[Start of Attachment]
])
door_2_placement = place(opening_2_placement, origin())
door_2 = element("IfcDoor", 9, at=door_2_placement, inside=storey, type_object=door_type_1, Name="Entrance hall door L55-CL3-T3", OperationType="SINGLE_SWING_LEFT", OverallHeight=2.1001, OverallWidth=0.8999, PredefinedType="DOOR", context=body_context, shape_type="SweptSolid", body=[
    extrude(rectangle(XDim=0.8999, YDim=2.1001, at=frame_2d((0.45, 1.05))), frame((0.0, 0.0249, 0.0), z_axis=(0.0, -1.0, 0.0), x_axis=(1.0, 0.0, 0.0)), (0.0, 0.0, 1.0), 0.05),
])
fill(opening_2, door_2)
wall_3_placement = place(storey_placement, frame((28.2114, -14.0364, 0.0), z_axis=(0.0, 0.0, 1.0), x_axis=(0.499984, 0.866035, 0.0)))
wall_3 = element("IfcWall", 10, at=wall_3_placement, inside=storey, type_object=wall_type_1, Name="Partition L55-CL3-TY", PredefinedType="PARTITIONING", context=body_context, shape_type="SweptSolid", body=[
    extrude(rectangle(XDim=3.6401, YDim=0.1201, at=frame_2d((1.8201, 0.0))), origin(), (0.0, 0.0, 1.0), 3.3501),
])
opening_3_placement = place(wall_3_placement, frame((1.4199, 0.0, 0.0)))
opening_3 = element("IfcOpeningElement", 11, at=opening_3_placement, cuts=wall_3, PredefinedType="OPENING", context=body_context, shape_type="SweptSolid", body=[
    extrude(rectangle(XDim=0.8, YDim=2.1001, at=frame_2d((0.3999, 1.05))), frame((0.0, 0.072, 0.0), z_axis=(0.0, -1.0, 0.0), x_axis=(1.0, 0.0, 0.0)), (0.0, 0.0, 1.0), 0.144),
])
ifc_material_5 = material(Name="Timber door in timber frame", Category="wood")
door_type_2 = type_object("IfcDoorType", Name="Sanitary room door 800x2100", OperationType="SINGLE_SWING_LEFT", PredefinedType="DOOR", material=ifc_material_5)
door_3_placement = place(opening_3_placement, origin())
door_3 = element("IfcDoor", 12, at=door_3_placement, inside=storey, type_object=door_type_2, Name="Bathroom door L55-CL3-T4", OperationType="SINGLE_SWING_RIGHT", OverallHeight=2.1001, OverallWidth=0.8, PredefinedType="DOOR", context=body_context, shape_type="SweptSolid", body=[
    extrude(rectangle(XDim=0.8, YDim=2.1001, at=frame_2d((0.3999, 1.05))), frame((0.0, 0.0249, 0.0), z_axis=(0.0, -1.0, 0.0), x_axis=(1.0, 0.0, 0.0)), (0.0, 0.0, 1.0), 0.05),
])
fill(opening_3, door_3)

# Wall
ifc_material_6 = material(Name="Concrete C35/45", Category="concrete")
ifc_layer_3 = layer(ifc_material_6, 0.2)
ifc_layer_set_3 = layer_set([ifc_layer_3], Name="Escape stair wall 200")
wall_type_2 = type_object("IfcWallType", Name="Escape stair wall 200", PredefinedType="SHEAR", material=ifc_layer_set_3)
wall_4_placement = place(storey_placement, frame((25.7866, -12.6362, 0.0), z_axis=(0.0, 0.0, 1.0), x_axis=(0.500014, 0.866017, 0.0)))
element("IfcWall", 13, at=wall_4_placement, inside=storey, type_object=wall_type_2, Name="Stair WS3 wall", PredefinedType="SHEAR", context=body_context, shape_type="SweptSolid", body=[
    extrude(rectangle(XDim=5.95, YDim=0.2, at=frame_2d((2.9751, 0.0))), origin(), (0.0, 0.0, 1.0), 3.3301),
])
[End of Attachment]
• _Your objective_
Repeat the records above exactly, from the first line to the last.

• _Answer to the problem_
])
door_2_placement = place(opening_2_placement, origin())
door_2 = element("IfcDoor", 9, at=door_2_placement, inside=storey, type_object=door_type_1, Name="Entrance hall door L55-CL3-T3", OperationType="SINGLE_SWING_LEFT", OverallHeight=2.1001, OverallWidth=0.8999, PredefinedType="DOOR", context=body_context, shape_type="SweptSolid", body=[
    extrude(rectangle(XDim=0.8999, YDim=2.1001, at=frame_2d((0.45, 1.05))), frame((0.0, 0.0249, 0.0), z_axis=(0.0, -1.0, 0.0), x_axis=(1.0, 0.0, 0.0)), (0.0, 0.0, 1.0), 0.05),
])
fill(opening_2, door_2)
wall_3_placement = place(storey_placement, frame((28.2114, -14.0364, 0.0), z_axis=(0.0, 0.0, 1.0), x_axis=(0.499984, 0.866035, 0.0)))
wall_3 = element("IfcWall", 10, at=wall_3_placement, inside=storey, type_object=wall_type_1, Name="Partition L55-CL3-TY", PredefinedType="PARTITIONING", context=body_context, shape_type="SweptSolid", body=[
    extrude(rectangle(XDim=3.6401, YDim=0.1201, at=frame_2d((1.8201, 0.0))), origin(), (0.0, 0.0, 1.0), 3.3501),
])
opening_3_placement = place(wall_3_placement, frame((1.4199, 0.0, 0.0)))
opening_3 = element("IfcOpeningElement", 11, at=opening_3_placement, cuts=wall_3, PredefinedType="OPENING", context=body_context, shape_type="SweptSolid", body=[
    extrude(rectangle(XDim=0.8, YDim=2.1001, at=frame_2d((0.3999, 1.05))), frame((0.0, 0.072, 0.0), z_axis=(0.0, -1.0, 0.0), x_axis=(1.0, 0.0, 0.0)), (0.0, 0.0, 1.0), 0.144),
])
ifc_material_5 = material(Name="Timber door in timber frame", Category="wood")
door_type_2 = type_object("IfcDoorType", Name="Sanitary room door 800x2100", OperationType="SINGLE_SWING_LEFT", PredefinedType="DOOR", material=ifc_material_5)
door_3_placement = place(opening_3_placement, origin())
door_3 = element("IfcDoor", 12, at=door_3_placement, inside=storey, type_object=door_type_2, Name="Bathroom door L55-CL3-T4", OperationType="SINGLE_SWING_RIGHT", OverallHeight=2.1001, OverallWidth=0.8, PredefinedType="DOOR", context=body_context, shape_type="SweptSolid", body=[
    extrude(rectangle(XDim=0.8, YDim=2.1001, at=frame_2d((0.3999, 1.05))), frame((0.0, 0.0249, 0.0), z_axis=(0.0, -1.0, 0.0), x_axis=(1.0, 0.0, 0.0)), (0.0, 0.0, 1.0), 0.05),
])
fill(opening_3, door_3)

# Wall
ifc_material_6 = material(Name="Concrete C35/45", Category="concrete")
ifc_layer_3 = layer(ifc_material_6, 0.2)
ifc_layer_set_3 = layer_set([ifc_layer_3], Name="Escape stair wall 200")
wall_type_2 = type_object("IfcWallType", Name="Escape stair wall 200", PredefinedType="SHEAR", material=ifc_layer_set_3)
wall_4_placement = place(storey_placement, frame((25.7866, -12.6362, 0.0), z_axis=(0.0, 0.0, 1.0), x_axis=(0.500014, 0.866017, 0.0)))
element("IfcWall", 13, at=wall_4_placement, inside=storey, type_object=wall_type_2, Name="Stair WS3 wall", PredefinedType="SHEAR", context=body_context, shape_type="SweptSolid", body=[
    extrude(rectangle(XDim=5.95, YDim=0.2, at=frame_2d((2.9751, 0.0))), origin(), (0.0, 0.0, 1.0), 3.3301),
])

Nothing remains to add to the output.